# EXERCISE DETAILS:
Search the data for the string "fritted" and copy each line in which it appears.

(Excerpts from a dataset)

== Segment start ==

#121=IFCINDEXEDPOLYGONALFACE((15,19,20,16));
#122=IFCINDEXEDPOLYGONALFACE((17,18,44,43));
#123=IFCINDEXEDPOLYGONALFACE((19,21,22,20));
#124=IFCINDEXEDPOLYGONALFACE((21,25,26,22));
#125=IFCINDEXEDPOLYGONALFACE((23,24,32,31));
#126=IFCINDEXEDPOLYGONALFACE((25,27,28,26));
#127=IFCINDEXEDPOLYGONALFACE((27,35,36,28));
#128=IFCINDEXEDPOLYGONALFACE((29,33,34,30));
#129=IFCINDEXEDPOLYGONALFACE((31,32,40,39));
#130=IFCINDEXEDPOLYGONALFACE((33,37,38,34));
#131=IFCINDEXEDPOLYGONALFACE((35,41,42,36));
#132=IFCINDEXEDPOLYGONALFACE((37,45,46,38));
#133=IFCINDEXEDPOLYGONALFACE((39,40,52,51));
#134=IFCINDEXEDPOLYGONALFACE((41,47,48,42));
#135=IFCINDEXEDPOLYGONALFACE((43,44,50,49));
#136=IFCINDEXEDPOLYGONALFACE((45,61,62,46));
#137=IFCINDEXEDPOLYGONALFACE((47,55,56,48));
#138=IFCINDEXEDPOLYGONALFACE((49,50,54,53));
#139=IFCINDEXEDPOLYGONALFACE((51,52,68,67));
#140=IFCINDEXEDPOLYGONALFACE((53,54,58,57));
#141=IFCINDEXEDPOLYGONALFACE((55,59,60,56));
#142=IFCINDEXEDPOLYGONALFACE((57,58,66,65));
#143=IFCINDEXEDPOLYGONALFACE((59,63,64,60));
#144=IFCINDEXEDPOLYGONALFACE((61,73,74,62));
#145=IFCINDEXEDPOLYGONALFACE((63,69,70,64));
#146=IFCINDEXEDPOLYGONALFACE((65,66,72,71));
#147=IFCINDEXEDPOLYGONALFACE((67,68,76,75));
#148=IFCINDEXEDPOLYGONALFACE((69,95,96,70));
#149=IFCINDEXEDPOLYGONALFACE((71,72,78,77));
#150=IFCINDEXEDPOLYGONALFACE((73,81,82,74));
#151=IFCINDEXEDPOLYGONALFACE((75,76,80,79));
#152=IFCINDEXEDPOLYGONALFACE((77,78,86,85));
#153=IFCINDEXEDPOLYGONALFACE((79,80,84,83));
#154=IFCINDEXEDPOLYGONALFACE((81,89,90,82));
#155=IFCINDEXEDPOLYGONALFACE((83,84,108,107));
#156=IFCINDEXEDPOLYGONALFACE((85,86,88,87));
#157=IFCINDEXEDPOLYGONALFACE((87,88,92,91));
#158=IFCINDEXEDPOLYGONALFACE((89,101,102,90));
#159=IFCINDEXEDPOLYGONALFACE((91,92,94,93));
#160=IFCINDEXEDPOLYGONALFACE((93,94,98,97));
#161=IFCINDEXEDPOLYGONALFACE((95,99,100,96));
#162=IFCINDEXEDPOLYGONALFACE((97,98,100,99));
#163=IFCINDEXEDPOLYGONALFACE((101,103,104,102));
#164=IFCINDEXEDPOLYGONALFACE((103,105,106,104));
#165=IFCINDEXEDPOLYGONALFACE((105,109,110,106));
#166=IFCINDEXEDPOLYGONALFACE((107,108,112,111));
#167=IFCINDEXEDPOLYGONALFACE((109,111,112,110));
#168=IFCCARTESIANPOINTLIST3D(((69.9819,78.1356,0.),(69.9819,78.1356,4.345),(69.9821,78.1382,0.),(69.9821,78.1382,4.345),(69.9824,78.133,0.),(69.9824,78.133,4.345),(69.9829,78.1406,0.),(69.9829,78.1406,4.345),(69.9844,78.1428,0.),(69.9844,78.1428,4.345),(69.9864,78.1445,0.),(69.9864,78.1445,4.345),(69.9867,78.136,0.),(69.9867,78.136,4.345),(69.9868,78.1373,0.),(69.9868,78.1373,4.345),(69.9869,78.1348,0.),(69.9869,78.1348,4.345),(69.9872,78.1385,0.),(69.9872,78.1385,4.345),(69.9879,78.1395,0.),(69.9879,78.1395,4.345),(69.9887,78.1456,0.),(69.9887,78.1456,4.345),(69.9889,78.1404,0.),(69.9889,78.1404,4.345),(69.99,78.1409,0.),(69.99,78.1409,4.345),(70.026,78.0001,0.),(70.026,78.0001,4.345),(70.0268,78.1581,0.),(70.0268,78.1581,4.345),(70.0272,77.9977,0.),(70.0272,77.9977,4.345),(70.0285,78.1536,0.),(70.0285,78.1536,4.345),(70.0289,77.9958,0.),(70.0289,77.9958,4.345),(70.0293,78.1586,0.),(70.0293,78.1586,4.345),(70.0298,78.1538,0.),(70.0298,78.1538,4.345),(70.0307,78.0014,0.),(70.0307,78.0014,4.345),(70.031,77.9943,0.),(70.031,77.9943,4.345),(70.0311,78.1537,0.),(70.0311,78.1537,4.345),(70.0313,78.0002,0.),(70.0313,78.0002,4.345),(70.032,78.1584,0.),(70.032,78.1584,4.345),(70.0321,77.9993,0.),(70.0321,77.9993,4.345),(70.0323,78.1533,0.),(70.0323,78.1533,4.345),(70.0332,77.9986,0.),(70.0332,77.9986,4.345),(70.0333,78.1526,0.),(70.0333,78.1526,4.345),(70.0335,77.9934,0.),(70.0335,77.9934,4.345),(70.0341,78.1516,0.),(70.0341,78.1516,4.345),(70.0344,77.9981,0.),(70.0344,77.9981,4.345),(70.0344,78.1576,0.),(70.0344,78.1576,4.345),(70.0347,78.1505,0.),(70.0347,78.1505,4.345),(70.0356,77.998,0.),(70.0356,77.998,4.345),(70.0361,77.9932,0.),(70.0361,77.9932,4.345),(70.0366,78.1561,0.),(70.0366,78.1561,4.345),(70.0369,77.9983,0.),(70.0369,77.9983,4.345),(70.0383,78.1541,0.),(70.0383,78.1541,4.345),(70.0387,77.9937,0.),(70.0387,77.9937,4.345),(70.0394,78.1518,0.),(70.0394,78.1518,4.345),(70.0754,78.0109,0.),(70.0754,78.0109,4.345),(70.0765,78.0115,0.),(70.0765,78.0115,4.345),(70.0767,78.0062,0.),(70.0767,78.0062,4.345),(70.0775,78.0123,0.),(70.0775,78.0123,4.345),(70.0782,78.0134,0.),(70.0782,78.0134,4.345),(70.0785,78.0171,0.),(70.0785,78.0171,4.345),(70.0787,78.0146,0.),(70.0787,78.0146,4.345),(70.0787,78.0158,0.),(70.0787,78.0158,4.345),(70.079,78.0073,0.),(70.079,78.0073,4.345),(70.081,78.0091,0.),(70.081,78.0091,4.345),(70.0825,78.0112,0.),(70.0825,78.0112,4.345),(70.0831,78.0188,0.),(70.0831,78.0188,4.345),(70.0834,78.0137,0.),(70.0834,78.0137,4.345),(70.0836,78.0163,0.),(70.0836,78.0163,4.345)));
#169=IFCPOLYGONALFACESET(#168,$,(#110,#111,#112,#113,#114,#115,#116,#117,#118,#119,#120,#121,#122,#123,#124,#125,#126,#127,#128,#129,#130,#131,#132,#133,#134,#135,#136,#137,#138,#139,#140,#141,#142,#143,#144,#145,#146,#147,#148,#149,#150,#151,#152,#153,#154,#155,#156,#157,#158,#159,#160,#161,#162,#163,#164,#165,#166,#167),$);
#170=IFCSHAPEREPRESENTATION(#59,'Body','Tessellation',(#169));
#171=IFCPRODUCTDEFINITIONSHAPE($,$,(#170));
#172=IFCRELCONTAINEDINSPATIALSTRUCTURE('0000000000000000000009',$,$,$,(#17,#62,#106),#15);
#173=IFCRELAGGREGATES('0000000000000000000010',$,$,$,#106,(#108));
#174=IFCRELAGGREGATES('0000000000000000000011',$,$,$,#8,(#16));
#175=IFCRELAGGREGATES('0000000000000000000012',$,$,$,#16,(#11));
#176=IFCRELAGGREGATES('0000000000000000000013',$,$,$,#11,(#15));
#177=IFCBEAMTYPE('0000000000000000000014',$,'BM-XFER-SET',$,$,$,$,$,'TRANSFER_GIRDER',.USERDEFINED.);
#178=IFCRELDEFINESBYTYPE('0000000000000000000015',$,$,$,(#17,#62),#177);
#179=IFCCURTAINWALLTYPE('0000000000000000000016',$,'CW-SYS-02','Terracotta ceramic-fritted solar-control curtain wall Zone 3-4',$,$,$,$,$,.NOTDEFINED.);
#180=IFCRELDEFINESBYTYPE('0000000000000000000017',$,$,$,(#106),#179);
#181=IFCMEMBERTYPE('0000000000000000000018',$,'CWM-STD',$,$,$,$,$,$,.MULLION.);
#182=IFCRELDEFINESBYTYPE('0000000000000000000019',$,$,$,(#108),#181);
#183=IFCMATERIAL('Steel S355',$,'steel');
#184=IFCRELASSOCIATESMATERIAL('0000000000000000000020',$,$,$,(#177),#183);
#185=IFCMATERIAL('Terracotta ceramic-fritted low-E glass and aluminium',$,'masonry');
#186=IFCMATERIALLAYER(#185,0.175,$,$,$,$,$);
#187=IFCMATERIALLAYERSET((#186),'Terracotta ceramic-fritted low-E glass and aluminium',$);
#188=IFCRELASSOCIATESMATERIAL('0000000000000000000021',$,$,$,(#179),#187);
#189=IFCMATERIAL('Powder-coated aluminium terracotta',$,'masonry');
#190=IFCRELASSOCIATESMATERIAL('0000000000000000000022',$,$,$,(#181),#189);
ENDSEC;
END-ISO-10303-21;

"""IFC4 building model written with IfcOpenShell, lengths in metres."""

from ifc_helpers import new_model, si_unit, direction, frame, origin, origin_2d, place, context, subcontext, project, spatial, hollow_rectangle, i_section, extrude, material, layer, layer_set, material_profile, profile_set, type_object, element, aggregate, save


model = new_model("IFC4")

== Segment end ==

# EXERCISE SOLUTION:
#179=IFCCURTAINWALLTYPE('0000000000000000000016',$,'CW-SYS-02','Terracotta ceramic-fritted solar-control curtain wall Zone 3-4',$,$,$,$,$,.NOTDEFINED.);
#185=IFCMATERIAL('Terracotta ceramic-fritted low-E glass and aluminium',$,'masonry');
#187=IFCMATERIALLAYERSET((#186),'Terracotta ceramic-fritted low-E glass and aluminium',$);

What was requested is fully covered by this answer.